In the entries below, find the line with "#65=IFCINDEXEDPOLYGONALFACE((37,41,42,38));" and print exactly every line from there up to and including the line with "#66=IFCINDEXEDPOLYGONALFACE((39,40,42,41));", with no other lines.
━━ Exercise materials ━━
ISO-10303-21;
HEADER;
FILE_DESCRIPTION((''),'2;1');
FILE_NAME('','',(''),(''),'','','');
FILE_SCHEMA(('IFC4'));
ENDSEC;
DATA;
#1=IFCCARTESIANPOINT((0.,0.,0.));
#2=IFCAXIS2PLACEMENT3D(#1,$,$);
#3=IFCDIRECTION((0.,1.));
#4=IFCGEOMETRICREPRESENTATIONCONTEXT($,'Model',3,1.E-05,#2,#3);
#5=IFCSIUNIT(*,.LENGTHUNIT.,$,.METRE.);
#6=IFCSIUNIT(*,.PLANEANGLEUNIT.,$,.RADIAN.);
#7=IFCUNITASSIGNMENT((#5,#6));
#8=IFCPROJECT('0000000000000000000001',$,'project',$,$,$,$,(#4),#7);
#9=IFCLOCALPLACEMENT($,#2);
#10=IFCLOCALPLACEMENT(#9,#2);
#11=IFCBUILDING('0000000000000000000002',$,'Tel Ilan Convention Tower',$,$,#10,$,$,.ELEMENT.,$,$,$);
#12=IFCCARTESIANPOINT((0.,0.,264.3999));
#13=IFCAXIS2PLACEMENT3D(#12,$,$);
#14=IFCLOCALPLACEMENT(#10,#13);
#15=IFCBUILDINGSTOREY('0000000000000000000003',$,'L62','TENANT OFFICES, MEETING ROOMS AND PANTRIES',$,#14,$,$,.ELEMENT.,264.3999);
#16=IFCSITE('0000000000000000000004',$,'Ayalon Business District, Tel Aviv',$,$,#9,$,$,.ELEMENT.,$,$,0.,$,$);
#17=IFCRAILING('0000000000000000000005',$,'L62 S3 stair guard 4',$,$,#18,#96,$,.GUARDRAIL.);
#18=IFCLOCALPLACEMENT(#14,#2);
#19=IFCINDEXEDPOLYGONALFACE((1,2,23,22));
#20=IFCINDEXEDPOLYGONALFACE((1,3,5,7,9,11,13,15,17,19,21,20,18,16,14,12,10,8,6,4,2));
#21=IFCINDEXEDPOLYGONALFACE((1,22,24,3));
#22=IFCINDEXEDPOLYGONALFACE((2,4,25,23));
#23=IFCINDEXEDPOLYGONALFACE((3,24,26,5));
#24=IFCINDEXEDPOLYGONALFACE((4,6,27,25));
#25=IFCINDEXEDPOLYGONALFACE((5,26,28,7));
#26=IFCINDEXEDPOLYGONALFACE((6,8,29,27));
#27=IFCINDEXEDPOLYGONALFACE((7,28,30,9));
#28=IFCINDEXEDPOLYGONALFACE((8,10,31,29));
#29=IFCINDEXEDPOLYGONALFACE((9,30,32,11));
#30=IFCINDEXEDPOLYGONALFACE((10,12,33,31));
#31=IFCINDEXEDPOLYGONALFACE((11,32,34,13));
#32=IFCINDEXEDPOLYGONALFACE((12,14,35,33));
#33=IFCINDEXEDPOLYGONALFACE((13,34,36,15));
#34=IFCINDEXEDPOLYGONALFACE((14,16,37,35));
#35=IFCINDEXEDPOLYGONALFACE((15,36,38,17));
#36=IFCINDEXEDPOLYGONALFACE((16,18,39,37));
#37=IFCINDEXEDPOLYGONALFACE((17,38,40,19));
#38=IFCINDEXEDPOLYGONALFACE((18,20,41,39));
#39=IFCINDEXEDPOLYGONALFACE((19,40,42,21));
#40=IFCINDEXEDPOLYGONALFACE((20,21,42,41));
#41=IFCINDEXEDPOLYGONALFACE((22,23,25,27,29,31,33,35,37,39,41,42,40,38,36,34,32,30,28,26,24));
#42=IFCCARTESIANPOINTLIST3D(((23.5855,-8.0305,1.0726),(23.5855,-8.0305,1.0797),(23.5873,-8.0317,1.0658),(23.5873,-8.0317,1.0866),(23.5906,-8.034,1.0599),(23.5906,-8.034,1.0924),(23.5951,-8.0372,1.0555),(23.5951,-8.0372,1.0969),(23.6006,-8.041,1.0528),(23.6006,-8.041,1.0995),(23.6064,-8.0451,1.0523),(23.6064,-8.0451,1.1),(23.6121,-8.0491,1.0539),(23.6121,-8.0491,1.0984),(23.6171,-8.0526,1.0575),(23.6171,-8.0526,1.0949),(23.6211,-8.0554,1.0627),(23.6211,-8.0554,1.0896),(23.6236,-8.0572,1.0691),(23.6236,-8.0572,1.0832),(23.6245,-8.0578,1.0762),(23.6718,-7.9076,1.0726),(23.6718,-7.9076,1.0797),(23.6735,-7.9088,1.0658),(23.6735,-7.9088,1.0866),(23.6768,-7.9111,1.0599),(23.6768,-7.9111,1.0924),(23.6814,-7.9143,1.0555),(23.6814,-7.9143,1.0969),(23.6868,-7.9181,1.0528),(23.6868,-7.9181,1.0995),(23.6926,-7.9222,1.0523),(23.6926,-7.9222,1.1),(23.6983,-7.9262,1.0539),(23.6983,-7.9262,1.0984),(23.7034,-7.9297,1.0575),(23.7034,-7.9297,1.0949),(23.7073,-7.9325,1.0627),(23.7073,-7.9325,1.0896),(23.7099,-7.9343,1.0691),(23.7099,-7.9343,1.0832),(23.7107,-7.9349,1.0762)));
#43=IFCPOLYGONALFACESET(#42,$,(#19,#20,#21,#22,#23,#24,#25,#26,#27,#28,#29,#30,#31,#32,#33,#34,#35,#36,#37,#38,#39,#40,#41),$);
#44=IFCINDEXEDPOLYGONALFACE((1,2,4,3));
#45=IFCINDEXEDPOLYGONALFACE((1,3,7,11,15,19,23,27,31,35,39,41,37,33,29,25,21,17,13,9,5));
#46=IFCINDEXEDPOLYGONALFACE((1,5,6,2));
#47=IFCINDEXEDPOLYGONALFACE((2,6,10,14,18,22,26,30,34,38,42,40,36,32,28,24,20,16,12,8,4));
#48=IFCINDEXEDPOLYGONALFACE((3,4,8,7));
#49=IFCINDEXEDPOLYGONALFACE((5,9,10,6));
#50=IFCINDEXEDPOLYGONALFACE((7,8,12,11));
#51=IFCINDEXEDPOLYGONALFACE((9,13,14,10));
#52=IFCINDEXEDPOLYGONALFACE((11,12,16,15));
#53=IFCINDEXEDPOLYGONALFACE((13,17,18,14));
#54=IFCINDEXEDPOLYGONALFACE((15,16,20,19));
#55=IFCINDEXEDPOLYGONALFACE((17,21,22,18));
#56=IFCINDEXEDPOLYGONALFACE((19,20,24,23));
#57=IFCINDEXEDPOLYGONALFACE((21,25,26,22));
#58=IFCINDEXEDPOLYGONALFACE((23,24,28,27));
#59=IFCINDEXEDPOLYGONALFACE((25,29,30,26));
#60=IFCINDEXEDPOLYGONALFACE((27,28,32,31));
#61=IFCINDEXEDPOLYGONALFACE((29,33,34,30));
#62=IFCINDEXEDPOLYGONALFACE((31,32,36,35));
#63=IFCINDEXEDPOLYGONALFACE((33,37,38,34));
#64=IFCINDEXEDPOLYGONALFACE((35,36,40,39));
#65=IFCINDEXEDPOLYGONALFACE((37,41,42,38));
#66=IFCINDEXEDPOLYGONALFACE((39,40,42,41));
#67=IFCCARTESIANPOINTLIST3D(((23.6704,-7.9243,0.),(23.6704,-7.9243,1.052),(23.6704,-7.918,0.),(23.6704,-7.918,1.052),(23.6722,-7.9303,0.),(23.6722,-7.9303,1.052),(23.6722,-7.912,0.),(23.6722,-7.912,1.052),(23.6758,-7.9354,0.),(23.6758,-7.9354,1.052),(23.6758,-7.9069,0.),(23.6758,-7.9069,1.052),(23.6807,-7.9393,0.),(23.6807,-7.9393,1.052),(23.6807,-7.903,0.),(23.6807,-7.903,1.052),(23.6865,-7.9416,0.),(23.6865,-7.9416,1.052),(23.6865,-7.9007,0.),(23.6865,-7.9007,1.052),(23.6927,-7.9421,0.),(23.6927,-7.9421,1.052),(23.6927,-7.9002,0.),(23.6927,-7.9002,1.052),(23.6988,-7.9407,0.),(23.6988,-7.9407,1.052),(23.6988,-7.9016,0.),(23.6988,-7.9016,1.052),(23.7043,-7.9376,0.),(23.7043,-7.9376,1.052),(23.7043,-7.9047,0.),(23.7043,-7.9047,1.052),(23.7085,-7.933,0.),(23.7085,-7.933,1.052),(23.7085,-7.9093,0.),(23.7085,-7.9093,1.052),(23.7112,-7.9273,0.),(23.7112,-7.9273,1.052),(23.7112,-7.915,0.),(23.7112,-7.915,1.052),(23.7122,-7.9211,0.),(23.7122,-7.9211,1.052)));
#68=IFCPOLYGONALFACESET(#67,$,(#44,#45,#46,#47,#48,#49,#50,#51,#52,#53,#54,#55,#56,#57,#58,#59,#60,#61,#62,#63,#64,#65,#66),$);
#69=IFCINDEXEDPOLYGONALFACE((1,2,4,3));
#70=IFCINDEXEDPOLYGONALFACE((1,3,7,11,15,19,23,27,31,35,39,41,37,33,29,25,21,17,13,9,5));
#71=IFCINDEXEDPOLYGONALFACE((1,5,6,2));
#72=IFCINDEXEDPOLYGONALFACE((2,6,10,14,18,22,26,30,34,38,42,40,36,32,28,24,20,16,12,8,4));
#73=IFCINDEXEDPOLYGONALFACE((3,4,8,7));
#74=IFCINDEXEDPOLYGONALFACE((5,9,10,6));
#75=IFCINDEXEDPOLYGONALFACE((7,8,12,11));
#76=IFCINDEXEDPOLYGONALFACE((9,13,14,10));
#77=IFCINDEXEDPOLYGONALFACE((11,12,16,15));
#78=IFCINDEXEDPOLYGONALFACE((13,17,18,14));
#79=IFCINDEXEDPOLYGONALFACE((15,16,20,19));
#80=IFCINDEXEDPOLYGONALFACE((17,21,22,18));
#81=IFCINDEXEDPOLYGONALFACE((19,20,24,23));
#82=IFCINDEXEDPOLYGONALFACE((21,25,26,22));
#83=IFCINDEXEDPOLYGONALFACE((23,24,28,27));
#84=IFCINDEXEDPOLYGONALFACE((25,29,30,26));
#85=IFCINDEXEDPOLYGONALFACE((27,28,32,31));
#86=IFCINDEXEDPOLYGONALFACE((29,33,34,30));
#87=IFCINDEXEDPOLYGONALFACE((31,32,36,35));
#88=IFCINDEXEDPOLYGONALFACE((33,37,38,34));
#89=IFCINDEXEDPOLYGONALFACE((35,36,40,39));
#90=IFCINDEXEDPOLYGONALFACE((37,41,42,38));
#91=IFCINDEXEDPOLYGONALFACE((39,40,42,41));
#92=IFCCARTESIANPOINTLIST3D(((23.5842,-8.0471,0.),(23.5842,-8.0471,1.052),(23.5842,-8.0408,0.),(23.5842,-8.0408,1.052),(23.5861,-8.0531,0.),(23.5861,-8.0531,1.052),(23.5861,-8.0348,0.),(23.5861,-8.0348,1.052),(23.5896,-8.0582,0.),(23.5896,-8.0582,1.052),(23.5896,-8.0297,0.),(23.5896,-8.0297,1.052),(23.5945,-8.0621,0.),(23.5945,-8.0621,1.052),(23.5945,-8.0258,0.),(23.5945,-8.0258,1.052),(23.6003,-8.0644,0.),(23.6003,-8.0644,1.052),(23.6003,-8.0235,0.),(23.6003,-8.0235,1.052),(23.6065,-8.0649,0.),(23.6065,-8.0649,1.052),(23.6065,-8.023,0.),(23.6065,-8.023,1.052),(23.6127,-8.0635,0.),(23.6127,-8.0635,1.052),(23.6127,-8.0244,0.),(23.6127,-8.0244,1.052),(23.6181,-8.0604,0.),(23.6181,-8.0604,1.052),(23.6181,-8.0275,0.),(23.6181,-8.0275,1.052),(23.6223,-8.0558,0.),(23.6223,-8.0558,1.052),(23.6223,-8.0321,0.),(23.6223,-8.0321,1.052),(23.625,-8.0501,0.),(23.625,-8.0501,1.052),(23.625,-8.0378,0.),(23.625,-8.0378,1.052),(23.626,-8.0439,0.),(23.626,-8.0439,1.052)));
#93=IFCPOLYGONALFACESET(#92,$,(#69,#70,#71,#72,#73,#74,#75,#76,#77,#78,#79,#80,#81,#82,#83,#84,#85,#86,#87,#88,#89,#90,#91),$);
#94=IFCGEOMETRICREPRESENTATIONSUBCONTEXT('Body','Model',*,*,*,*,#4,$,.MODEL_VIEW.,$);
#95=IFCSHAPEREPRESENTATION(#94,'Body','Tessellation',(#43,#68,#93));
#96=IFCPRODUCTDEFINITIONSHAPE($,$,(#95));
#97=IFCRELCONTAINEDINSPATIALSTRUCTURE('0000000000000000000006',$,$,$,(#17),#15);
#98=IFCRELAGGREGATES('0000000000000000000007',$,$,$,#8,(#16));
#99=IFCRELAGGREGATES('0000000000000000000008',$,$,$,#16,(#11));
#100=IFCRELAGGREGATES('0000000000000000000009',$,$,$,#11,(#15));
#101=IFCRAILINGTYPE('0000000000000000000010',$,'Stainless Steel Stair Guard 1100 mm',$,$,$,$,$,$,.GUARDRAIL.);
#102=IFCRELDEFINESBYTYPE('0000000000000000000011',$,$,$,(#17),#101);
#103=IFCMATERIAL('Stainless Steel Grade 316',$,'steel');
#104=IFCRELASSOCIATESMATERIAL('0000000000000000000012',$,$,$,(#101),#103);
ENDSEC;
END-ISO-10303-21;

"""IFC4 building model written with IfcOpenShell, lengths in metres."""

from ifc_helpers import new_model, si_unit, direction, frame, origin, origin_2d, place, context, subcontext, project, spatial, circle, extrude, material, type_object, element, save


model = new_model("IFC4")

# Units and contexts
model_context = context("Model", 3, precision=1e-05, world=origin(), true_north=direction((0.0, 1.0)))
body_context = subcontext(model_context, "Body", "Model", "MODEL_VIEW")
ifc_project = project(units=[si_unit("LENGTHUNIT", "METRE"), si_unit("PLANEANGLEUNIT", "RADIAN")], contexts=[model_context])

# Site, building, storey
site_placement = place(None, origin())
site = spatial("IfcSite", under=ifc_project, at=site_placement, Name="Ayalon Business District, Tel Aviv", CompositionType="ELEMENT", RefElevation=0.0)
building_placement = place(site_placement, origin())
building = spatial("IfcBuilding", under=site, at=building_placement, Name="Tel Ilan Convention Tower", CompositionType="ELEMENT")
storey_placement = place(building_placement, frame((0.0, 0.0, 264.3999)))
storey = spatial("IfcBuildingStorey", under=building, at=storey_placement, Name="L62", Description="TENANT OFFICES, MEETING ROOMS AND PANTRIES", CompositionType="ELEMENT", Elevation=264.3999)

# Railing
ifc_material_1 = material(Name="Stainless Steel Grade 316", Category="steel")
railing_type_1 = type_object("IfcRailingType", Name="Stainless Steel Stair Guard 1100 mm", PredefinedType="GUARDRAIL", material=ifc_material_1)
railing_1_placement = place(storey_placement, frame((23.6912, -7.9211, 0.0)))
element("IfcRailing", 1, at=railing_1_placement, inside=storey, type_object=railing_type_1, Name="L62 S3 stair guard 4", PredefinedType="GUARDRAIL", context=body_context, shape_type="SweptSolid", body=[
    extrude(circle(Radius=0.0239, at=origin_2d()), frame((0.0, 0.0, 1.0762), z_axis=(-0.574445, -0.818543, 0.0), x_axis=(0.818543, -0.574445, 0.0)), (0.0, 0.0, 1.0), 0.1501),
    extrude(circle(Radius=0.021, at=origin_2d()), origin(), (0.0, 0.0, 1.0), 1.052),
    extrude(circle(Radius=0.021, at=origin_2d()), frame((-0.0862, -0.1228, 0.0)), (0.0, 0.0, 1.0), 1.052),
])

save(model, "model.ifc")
━━━
### Solution to the problem
#65=IFCINDEXEDPOLYGONALFACE((37,41,42,38));
#66=IFCINDEXEDPOLYGONALFACE((39,40,42,41));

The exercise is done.